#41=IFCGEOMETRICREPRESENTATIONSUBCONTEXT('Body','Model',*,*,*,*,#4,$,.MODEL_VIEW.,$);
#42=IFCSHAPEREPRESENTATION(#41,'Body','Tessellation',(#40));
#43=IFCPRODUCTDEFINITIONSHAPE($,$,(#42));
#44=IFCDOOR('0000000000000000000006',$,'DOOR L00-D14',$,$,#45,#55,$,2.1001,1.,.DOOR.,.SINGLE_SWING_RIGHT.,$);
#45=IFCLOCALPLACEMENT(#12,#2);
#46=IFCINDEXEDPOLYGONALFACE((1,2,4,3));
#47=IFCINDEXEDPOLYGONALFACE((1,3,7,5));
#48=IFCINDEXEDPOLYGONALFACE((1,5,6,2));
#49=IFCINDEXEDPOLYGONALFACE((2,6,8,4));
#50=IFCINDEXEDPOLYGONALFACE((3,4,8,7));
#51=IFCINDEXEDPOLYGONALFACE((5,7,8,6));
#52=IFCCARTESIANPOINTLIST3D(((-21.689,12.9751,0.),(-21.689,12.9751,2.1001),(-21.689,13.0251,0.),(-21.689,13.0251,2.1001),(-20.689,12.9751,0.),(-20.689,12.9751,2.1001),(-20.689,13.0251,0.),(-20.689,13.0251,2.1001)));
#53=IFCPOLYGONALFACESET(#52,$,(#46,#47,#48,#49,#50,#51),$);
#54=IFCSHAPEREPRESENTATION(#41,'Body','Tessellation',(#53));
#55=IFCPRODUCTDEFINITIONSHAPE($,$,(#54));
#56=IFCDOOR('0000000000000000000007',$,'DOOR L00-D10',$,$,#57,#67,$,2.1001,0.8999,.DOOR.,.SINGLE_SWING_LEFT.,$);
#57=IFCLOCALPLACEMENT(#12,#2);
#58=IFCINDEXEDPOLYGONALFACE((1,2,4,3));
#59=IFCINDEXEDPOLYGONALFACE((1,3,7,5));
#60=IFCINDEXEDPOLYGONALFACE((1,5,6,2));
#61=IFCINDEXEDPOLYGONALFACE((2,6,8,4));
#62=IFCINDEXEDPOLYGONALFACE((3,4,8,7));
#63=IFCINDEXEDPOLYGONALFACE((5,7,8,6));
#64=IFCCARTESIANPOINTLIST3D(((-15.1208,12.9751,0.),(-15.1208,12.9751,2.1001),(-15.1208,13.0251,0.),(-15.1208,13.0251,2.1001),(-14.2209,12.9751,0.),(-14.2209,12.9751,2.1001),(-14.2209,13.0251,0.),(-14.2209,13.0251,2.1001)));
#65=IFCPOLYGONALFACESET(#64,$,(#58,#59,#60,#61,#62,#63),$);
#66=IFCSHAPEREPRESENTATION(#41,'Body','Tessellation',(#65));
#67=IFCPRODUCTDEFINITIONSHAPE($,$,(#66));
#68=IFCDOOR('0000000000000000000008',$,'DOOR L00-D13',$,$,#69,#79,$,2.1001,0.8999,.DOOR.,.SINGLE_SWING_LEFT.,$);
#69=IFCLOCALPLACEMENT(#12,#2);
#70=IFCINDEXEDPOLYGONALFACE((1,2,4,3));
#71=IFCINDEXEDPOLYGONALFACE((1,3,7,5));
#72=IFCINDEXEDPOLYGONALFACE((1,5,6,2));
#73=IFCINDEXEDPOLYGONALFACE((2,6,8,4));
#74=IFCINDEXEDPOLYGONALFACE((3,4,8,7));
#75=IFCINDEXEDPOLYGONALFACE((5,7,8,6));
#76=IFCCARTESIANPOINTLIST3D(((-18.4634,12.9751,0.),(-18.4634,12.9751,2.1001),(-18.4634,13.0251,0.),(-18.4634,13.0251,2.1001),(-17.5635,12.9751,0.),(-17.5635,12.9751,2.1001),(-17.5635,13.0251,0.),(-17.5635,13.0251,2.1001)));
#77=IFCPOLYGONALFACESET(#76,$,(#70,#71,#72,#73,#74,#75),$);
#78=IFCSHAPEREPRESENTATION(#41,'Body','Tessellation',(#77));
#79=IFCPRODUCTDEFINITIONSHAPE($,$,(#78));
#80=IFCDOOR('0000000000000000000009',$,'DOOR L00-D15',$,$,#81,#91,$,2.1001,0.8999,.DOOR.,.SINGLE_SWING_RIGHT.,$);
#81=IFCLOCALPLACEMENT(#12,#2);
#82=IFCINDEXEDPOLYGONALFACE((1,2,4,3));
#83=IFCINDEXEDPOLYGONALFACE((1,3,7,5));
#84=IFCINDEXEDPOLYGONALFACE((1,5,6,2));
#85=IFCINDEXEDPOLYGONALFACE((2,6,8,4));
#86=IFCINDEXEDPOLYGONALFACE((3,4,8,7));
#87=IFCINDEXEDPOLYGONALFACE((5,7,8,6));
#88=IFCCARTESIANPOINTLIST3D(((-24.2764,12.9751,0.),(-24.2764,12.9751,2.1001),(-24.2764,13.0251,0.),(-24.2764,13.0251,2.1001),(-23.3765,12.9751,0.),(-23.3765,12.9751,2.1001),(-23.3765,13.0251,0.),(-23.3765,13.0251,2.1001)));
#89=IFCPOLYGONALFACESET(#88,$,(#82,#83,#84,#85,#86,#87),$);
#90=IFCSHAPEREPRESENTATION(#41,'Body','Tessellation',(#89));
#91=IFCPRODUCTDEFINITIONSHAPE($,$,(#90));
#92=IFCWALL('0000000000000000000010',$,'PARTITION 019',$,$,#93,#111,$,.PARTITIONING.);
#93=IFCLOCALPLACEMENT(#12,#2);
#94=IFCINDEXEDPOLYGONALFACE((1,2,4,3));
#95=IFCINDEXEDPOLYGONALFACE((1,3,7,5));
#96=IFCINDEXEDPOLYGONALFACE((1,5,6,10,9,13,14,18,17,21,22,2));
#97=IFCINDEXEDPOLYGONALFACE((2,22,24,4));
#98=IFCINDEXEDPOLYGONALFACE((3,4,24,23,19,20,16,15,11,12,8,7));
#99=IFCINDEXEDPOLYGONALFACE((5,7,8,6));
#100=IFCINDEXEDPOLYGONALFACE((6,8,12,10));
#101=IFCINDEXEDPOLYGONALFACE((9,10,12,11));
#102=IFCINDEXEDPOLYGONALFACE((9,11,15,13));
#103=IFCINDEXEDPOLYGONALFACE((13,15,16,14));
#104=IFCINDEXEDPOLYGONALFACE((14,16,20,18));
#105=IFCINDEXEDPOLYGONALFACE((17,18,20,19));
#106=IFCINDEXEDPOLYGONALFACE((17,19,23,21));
◆ ◆ ◆ ◆ ◆ ◆ ◆
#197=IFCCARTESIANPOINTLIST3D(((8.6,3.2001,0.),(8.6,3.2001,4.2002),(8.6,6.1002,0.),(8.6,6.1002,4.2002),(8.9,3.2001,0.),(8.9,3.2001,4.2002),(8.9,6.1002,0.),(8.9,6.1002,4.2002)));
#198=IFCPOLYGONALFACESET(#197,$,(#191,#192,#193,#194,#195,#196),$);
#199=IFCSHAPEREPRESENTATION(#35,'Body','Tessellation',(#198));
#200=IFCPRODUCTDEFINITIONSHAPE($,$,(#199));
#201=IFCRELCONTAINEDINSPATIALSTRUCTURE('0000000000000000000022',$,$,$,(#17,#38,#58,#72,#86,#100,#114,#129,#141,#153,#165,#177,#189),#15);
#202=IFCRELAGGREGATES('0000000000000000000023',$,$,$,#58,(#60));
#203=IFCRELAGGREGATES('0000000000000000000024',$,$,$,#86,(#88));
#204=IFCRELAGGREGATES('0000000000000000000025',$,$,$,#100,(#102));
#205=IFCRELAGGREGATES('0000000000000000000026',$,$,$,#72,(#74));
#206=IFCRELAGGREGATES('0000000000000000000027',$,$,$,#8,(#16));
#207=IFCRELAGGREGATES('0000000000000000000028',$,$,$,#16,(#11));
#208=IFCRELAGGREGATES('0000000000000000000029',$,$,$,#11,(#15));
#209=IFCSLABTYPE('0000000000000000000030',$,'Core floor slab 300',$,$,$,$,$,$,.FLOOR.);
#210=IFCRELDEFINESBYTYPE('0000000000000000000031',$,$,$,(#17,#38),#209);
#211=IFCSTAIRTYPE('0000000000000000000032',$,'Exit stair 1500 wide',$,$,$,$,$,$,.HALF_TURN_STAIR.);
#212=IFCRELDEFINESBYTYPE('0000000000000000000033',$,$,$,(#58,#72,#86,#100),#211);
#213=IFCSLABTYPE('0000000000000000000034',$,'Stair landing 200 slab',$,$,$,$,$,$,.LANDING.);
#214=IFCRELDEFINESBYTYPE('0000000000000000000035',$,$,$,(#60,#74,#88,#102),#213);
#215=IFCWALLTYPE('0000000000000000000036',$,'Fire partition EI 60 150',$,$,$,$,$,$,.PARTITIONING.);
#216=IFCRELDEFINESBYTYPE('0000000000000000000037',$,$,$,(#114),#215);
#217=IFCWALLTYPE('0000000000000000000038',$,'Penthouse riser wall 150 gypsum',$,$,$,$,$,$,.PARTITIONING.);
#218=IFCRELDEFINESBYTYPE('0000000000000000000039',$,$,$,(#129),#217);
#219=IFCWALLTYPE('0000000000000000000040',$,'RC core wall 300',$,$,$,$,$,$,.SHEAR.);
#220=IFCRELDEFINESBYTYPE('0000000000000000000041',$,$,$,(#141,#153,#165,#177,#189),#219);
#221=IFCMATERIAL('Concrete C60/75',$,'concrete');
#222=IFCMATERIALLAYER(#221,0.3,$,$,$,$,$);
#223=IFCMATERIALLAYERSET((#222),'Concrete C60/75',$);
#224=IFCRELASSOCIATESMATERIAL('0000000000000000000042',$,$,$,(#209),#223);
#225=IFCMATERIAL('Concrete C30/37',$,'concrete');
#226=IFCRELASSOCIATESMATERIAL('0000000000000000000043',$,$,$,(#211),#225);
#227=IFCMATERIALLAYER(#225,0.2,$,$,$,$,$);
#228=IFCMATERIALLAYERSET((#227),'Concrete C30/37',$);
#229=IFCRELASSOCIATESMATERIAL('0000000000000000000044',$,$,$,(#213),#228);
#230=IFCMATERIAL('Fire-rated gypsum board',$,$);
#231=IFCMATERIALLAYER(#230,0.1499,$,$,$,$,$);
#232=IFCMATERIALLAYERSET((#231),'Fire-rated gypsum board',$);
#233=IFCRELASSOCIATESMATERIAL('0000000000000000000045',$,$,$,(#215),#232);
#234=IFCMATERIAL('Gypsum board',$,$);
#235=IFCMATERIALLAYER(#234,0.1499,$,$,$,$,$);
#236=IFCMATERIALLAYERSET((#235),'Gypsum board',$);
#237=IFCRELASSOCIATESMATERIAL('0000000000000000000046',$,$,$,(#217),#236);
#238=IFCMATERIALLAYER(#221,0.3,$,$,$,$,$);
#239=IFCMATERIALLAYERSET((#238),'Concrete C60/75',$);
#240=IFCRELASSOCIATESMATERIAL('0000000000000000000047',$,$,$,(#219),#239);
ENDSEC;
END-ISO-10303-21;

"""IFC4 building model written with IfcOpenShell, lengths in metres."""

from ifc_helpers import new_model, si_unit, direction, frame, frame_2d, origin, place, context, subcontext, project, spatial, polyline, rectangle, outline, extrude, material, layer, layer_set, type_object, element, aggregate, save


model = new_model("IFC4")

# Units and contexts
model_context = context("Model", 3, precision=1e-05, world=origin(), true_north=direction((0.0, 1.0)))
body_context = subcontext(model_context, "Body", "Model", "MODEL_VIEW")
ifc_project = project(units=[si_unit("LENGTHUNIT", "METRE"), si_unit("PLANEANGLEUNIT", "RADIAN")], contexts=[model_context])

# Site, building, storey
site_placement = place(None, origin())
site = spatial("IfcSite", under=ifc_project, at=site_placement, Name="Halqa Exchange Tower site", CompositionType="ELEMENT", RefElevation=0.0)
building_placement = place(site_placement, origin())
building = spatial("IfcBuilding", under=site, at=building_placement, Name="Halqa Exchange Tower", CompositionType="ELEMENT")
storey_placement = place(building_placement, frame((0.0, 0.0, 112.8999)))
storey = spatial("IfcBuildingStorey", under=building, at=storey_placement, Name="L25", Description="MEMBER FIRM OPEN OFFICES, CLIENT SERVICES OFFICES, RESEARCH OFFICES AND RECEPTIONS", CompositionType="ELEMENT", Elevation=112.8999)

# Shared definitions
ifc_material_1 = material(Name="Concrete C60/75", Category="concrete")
◆ ◆ ◆ ◆ ◆ ◆ ◆
INSTRUCTIONS TO FOLLOW: In the entries above, one line contains "#97=IFCINDEXEDPOLYGONALFACE((2,22,24,4));" and another contains "#106=IFCINDEXEDPOLYGONALFACE((17,19,23,21));". Reproduce exactly those two lines and the lines between them, nothing else.

SOLUTION:
#97=IFCINDEXEDPOLYGONALFACE((2,22,24,4));
#98=IFCINDEXEDPOLYGONALFACE((3,4,24,23,19,20,16,15,11,12,8,7));
#99=IFCINDEXEDPOLYGONALFACE((5,7,8,6));
#100=IFCINDEXEDPOLYGONALFACE((6,8,12,10));
#101=IFCINDEXEDPOLYGONALFACE((9,10,12,11));
#102=IFCINDEXEDPOLYGONALFACE((9,11,15,13));
#103=IFCINDEXEDPOLYGONALFACE((13,15,16,14));
#104=IFCINDEXEDPOLYGONALFACE((14,16,20,18));
#105=IFCINDEXEDPOLYGONALFACE((17,18,20,19));
#106=IFCINDEXEDPOLYGONALFACE((17,19,23,21));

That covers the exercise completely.